Print every line of the listing below, starting with the line that holds "#63=IFCINDEXEDPOLYGONALFACE((33,37,38,34));" and going on through the line that holds "#66=IFCINDEXEDPOLYGONALFACE((39,40,42,41));", both included, and print nothing else.
Supplied data: Begin
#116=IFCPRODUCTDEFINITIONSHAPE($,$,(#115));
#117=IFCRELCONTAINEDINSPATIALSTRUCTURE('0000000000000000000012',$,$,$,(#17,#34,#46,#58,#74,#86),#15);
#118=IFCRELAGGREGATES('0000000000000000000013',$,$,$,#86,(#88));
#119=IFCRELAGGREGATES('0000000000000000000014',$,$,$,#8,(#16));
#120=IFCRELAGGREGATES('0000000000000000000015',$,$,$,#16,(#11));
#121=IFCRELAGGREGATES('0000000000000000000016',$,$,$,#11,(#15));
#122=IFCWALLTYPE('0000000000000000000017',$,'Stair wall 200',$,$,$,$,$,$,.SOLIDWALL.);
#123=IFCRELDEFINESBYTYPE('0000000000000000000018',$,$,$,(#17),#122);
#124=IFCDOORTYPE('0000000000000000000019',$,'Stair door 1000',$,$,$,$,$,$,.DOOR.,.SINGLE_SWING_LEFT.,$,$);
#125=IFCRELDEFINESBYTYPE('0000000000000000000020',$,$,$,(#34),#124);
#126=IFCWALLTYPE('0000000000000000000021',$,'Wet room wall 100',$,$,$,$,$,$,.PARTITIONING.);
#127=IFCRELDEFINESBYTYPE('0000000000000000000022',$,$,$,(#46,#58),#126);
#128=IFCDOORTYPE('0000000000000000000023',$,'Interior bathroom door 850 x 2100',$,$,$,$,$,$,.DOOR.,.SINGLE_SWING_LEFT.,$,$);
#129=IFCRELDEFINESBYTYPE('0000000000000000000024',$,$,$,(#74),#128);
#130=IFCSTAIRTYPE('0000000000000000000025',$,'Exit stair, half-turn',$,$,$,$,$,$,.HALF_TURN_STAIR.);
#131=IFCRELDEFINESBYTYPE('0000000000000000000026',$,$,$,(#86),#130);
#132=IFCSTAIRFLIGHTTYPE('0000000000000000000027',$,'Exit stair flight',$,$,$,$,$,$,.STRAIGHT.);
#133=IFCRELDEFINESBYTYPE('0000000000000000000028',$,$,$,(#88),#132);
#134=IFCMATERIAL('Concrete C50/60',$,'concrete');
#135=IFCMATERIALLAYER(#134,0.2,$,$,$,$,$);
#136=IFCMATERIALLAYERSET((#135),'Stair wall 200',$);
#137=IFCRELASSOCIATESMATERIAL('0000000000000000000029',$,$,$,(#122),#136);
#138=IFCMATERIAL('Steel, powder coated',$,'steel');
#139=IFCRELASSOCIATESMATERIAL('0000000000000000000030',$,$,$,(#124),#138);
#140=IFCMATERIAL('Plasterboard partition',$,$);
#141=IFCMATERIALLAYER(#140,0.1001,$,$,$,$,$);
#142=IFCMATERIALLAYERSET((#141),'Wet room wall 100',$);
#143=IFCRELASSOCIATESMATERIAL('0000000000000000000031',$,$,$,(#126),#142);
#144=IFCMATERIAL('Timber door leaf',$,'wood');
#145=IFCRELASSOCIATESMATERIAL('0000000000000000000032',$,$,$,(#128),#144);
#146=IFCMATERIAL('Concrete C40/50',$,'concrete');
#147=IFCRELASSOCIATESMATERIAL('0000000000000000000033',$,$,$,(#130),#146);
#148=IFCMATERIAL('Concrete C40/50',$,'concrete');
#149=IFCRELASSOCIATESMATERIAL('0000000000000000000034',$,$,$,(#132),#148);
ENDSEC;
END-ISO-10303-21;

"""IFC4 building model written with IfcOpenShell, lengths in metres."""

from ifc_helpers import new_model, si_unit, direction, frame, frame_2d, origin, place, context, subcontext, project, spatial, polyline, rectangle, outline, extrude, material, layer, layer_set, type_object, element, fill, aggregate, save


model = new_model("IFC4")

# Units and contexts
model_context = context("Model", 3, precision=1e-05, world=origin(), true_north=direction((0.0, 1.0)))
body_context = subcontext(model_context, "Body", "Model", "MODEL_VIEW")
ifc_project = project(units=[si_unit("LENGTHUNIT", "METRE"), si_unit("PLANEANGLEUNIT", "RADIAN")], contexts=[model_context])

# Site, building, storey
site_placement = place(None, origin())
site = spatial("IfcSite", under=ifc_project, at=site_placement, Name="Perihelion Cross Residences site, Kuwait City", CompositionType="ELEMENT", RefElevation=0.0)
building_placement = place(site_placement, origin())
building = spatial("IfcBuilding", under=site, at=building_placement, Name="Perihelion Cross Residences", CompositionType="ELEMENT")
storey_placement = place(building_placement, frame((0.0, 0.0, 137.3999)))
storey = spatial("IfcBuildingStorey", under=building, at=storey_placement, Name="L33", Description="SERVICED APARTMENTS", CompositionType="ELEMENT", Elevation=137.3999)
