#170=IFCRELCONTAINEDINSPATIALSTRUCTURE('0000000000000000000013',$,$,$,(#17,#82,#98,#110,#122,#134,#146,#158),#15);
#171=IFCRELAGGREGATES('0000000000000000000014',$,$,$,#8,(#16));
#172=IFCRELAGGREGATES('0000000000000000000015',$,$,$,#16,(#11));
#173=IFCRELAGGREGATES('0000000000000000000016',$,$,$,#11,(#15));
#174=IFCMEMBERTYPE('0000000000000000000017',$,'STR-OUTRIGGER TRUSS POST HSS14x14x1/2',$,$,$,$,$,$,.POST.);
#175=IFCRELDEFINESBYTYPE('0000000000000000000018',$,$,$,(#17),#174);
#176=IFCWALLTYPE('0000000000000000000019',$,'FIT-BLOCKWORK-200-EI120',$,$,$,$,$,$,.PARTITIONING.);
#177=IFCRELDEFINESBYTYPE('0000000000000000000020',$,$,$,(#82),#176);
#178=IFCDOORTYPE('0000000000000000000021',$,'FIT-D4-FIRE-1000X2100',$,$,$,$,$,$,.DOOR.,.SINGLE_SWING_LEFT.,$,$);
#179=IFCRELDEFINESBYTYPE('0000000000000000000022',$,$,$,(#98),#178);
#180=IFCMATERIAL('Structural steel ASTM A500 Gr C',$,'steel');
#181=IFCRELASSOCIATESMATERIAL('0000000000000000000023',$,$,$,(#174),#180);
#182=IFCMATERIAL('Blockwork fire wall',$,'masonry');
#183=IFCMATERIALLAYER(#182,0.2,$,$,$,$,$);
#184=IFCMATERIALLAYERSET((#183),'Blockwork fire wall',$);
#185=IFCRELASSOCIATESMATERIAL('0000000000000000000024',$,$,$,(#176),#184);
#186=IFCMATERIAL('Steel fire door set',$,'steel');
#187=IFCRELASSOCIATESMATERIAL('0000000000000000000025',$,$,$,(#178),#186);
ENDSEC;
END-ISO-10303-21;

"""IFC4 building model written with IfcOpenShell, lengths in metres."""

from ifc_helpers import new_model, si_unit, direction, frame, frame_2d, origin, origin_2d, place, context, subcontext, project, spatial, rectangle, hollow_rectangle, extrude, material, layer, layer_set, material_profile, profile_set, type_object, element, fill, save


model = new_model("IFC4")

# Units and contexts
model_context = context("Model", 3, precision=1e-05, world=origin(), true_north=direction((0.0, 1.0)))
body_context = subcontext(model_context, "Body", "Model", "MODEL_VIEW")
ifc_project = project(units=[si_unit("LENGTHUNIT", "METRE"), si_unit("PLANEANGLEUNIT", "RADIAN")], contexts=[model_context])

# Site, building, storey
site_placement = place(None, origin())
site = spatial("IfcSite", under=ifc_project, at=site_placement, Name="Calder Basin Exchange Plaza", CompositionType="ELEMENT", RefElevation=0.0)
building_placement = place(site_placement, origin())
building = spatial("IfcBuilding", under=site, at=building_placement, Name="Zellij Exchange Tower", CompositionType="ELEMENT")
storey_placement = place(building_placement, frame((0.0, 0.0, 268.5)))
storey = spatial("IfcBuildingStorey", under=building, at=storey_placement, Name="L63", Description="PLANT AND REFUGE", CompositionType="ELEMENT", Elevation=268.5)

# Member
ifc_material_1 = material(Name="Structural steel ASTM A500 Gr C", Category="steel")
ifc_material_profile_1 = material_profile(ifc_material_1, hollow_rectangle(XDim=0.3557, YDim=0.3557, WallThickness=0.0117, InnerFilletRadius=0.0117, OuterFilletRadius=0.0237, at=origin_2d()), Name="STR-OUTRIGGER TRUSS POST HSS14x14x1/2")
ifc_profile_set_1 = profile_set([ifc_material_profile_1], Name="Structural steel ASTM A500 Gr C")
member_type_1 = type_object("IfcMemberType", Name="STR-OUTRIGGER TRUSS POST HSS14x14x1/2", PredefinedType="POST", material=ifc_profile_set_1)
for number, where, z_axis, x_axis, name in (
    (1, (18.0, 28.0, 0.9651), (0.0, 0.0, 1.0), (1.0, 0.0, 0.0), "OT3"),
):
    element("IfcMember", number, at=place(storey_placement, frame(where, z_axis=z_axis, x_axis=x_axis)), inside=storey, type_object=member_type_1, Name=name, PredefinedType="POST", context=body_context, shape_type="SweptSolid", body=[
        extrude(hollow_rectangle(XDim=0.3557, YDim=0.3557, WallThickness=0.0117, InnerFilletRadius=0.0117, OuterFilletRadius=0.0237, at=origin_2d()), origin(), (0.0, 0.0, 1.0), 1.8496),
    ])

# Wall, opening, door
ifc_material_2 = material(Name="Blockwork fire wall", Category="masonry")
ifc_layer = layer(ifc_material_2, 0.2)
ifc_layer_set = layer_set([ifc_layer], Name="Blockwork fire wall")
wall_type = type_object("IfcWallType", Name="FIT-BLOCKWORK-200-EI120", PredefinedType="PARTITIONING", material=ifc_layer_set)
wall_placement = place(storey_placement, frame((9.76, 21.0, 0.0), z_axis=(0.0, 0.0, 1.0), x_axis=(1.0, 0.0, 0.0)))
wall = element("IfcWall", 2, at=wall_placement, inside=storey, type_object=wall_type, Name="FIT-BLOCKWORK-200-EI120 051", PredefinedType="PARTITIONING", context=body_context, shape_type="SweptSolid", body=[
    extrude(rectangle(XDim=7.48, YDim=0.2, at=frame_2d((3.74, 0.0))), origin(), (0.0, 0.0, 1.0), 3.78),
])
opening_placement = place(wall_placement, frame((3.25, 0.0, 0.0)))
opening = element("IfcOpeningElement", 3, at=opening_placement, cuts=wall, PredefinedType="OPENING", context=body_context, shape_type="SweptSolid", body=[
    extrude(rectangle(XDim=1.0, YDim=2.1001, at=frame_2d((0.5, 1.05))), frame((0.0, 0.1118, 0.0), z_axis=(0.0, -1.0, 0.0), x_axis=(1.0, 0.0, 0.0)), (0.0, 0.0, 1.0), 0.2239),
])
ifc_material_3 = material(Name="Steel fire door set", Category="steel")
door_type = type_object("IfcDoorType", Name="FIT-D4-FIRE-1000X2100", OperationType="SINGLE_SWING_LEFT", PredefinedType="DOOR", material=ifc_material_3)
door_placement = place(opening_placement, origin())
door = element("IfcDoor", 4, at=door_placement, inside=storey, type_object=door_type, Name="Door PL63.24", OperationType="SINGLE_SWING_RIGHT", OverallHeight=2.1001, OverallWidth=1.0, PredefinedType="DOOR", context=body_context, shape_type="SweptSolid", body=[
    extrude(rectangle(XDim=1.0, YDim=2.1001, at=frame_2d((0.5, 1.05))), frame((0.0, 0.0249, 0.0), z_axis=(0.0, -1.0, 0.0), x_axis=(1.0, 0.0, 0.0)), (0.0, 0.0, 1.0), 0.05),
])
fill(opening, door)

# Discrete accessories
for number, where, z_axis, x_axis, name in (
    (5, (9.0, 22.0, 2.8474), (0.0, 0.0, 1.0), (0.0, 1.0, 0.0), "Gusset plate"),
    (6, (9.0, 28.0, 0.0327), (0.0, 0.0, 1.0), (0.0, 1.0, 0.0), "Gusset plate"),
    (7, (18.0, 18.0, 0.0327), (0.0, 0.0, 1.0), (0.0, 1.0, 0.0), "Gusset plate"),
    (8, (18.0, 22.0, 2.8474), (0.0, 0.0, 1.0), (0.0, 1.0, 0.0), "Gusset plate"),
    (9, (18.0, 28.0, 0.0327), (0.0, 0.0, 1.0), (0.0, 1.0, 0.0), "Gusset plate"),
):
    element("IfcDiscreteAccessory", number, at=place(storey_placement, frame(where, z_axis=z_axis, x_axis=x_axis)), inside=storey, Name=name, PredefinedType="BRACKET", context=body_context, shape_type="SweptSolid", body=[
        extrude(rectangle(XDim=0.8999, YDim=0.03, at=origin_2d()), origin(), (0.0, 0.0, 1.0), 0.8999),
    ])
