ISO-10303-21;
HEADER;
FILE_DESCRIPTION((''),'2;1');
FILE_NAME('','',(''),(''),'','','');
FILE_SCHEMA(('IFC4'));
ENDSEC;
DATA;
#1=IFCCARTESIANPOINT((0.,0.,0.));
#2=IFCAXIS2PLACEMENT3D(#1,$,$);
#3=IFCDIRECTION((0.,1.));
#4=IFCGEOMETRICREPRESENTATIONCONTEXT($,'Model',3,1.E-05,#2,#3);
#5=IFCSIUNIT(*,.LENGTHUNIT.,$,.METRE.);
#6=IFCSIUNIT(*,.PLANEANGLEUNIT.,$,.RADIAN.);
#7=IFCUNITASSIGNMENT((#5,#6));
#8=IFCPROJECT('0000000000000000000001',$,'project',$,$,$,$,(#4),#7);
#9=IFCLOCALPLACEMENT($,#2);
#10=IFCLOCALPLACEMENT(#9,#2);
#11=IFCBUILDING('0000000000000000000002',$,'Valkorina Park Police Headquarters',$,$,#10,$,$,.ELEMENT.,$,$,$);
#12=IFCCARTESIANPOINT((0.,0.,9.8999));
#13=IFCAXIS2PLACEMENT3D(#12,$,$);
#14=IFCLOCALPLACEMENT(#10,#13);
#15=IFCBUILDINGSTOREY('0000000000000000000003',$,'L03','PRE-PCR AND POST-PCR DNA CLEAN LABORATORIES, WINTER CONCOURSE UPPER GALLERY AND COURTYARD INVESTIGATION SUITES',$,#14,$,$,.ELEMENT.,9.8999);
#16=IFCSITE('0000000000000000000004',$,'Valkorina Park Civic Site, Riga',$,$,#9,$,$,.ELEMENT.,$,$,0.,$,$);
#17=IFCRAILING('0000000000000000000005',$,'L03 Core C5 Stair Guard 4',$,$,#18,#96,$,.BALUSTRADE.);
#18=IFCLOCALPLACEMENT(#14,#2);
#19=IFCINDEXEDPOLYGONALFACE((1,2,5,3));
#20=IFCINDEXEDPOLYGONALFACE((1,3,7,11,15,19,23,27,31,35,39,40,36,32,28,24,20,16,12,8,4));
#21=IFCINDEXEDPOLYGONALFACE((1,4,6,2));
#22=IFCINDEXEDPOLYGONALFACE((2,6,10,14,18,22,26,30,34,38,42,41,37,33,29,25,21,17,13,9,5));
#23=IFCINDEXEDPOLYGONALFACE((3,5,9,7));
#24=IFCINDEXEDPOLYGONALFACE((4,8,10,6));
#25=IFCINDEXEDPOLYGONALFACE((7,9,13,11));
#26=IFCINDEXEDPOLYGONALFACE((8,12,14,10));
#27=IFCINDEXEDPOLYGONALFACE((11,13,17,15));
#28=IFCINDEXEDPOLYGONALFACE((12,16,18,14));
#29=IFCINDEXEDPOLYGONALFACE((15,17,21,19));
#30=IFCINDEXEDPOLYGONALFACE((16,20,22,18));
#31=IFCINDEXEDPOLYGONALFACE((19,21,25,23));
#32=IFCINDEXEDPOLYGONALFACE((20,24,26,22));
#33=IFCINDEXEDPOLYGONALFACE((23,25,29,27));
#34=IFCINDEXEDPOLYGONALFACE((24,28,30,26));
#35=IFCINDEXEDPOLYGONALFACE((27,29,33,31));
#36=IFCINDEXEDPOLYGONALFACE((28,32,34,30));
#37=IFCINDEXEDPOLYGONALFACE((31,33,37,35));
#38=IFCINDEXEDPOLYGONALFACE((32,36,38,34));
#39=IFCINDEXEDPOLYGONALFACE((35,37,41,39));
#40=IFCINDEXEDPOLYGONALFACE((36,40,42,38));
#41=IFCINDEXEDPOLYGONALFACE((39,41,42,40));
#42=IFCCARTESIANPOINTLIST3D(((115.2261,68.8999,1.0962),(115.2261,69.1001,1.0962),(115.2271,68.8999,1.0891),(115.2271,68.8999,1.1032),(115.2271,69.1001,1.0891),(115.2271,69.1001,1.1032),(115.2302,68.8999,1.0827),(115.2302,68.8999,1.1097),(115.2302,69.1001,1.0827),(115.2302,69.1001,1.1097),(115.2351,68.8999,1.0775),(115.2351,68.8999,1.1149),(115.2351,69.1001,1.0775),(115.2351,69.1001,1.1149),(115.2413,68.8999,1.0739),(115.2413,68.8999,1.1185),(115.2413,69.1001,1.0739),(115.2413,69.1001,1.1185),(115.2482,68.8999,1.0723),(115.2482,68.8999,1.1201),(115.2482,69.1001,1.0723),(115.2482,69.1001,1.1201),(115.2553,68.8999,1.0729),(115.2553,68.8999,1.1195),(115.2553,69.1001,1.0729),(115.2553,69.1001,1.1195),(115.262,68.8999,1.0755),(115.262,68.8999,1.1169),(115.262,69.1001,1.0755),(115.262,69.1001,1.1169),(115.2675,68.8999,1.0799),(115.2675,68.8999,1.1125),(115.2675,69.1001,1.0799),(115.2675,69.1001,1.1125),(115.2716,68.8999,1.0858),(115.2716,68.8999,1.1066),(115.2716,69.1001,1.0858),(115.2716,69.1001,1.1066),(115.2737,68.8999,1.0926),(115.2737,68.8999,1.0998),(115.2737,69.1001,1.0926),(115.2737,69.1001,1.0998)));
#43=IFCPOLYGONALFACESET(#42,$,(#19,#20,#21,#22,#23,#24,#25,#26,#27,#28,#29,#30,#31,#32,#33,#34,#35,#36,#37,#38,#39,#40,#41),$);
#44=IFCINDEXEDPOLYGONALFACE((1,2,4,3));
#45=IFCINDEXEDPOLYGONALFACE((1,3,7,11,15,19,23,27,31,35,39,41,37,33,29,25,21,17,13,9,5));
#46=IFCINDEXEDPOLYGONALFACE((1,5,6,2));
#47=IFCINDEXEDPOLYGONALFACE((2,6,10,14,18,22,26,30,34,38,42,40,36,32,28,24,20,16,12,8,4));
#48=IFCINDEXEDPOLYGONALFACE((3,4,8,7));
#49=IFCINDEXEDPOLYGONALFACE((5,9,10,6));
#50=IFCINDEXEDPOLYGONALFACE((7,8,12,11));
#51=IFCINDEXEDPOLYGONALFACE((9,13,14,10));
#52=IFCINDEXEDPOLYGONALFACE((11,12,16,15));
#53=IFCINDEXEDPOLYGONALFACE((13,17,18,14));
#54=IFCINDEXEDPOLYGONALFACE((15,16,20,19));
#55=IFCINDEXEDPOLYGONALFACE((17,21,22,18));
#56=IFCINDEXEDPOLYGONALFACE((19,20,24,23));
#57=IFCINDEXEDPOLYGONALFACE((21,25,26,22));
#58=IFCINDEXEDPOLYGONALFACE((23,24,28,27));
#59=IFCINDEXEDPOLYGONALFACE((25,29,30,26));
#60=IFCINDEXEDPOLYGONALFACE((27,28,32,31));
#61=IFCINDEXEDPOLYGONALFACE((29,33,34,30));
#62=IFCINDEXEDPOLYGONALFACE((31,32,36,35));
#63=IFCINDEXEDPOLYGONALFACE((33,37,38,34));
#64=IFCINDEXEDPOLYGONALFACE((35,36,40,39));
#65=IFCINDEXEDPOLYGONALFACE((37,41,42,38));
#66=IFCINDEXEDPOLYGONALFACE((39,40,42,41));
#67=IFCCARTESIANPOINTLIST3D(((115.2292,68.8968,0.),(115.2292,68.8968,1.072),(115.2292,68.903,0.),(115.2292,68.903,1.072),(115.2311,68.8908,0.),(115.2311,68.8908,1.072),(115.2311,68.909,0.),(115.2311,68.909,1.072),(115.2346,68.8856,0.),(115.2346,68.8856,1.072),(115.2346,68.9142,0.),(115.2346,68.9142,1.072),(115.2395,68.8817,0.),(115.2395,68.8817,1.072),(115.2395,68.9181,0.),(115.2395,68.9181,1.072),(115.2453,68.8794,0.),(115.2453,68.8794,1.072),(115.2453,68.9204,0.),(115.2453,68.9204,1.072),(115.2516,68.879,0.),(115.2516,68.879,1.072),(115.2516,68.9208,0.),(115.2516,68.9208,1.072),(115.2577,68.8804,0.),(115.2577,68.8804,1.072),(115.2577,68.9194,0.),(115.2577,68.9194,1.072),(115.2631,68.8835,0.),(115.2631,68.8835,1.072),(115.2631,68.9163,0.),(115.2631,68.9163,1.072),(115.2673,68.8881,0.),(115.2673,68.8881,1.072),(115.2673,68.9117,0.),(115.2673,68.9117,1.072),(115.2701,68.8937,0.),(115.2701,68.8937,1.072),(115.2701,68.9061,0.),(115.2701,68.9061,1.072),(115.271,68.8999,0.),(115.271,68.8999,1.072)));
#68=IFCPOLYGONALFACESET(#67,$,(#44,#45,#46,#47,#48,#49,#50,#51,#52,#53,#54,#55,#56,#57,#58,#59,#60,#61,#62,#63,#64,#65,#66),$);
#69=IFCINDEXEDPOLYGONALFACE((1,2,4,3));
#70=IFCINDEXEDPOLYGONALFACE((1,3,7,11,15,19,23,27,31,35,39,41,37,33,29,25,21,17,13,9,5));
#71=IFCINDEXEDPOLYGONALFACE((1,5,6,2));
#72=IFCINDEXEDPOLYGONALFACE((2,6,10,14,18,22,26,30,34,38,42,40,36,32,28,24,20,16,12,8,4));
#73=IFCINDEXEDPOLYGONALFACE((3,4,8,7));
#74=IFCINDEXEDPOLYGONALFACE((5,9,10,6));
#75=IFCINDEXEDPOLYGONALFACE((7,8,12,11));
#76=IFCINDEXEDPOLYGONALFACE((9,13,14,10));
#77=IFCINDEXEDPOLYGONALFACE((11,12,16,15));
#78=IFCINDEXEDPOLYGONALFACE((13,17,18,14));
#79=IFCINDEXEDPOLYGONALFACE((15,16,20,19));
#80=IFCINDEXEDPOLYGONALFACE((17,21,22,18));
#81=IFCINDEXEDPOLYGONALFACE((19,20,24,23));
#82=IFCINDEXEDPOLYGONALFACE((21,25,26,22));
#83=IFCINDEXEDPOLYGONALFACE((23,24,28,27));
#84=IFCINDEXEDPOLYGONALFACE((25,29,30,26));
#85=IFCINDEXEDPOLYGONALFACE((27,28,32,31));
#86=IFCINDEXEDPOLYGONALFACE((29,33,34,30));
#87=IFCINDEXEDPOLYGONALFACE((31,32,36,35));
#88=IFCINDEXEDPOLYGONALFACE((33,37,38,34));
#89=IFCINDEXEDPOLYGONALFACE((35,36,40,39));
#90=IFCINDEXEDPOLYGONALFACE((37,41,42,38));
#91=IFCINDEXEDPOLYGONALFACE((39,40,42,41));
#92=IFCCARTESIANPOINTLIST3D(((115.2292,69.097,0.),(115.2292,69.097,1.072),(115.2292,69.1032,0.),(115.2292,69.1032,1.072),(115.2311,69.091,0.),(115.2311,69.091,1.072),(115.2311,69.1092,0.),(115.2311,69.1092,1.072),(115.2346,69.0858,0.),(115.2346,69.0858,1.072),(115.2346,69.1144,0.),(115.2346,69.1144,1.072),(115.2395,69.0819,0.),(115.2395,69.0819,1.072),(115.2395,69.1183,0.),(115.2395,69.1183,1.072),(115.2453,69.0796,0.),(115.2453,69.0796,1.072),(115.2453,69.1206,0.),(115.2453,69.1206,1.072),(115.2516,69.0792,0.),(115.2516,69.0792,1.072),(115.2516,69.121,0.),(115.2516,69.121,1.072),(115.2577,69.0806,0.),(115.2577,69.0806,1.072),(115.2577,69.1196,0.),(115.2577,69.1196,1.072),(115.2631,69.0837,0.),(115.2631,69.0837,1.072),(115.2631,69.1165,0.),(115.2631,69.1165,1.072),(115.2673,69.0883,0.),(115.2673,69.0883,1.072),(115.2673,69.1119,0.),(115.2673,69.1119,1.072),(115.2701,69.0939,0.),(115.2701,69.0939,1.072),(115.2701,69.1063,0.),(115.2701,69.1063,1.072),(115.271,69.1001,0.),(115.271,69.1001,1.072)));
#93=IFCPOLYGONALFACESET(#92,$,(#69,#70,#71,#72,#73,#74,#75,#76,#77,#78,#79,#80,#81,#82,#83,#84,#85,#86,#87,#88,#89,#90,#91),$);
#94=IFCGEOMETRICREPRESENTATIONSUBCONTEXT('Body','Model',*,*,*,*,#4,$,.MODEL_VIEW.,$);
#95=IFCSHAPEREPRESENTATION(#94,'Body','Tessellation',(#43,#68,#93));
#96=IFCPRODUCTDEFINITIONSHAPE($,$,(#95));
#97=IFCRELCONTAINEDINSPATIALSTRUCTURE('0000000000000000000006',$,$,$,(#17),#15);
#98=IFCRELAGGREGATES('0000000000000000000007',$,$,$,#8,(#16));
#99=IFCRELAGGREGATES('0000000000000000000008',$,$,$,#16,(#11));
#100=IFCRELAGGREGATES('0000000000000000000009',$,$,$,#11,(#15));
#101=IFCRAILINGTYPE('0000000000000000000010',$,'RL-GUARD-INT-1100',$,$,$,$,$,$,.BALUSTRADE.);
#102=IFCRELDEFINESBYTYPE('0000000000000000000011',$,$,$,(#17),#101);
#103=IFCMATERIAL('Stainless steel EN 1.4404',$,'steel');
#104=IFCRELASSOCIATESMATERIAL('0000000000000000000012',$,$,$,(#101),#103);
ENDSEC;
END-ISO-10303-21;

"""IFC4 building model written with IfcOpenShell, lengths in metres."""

from ifc_helpers import new_model, si_unit, direction, frame, origin, origin_2d, place, context, subcontext, project, spatial, circle, extrude, material, type_object, element, save


model = new_model("IFC4")

# Units and contexts
model_context = context("Model", 3, precision=1e-05, world=origin(), true_north=direction((0.0, 1.0)))
body_context = subcontext(model_context, "Body", "Model", "MODEL_VIEW")
ifc_project = project(units=[si_unit("LENGTHUNIT", "METRE"), si_unit("PLANEANGLEUNIT", "RADIAN")], contexts=[model_context])

# Site, building, storey
site_placement = place(None, origin())
site = spatial("IfcSite", under=ifc_project, at=site_placement, Name="Valkorina Park Civic Site, Riga", CompositionType="ELEMENT", RefElevation=0.0)
building_placement = place(site_placement, origin())
building = spatial("IfcBuilding", under=site, at=building_placement, Name="Valkorina Park Police Headquarters", CompositionType="ELEMENT")
storey_placement = place(building_placement, frame((0.0, 0.0, 9.8999)))
storey = spatial("IfcBuildingStorey", under=building, at=storey_placement, Name="L03", Description="PRE-PCR AND POST-PCR DNA CLEAN LABORATORIES, WINTER CONCOURSE UPPER GALLERY AND COURTYARD INVESTIGATION SUITES", CompositionType="ELEMENT", Elevation=9.8999)

# Railing
ifc_material_1 = material(Name="Stainless steel EN 1.4404", Category="steel")
railing_type_1 = type_object("IfcRailingType", Name="RL-GUARD-INT-1100", PredefinedType="BALUSTRADE", material=ifc_material_1)
railing_1_placement = place(storey_placement, frame((115.25, 68.8999, 0.0)))
element("IfcRailing", 1, at=railing_1_placement, inside=storey, type_object=railing_type_1, Name="L03 Core C5 Stair Guard 4", PredefinedType="BALUSTRADE", context=body_context, shape_type="SweptSolid", body=[
    extrude(circle(Radius=0.0239, at=origin_2d()), frame((0.0, 0.0, 1.0962), z_axis=(0.0, 1.0, 0.0), x_axis=(-1.0, 0.0, 0.0)), (0.0, 0.0, 1.0), 0.2002),
    extrude(circle(Radius=0.021, at=origin_2d()), origin(), (0.0, 0.0, 1.0), 1.072),
    extrude(circle(Radius=0.021, at=origin_2d()), frame((0.0, 0.2002, 0.0)), (0.0, 0.0, 1.0), 1.072),
])

save(model, "model.ifc")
Supplied data: End
Output
#63=IFCINDEXEDPOLYGONALFACE((33,37,38,34));
#64=IFCINDEXEDPOLYGONALFACE((35,36,40,39));
#65=IFCINDEXEDPOLYGONALFACE((37,41,42,38));
#66=IFCINDEXEDPOLYGONALFACE((39,40,42,41));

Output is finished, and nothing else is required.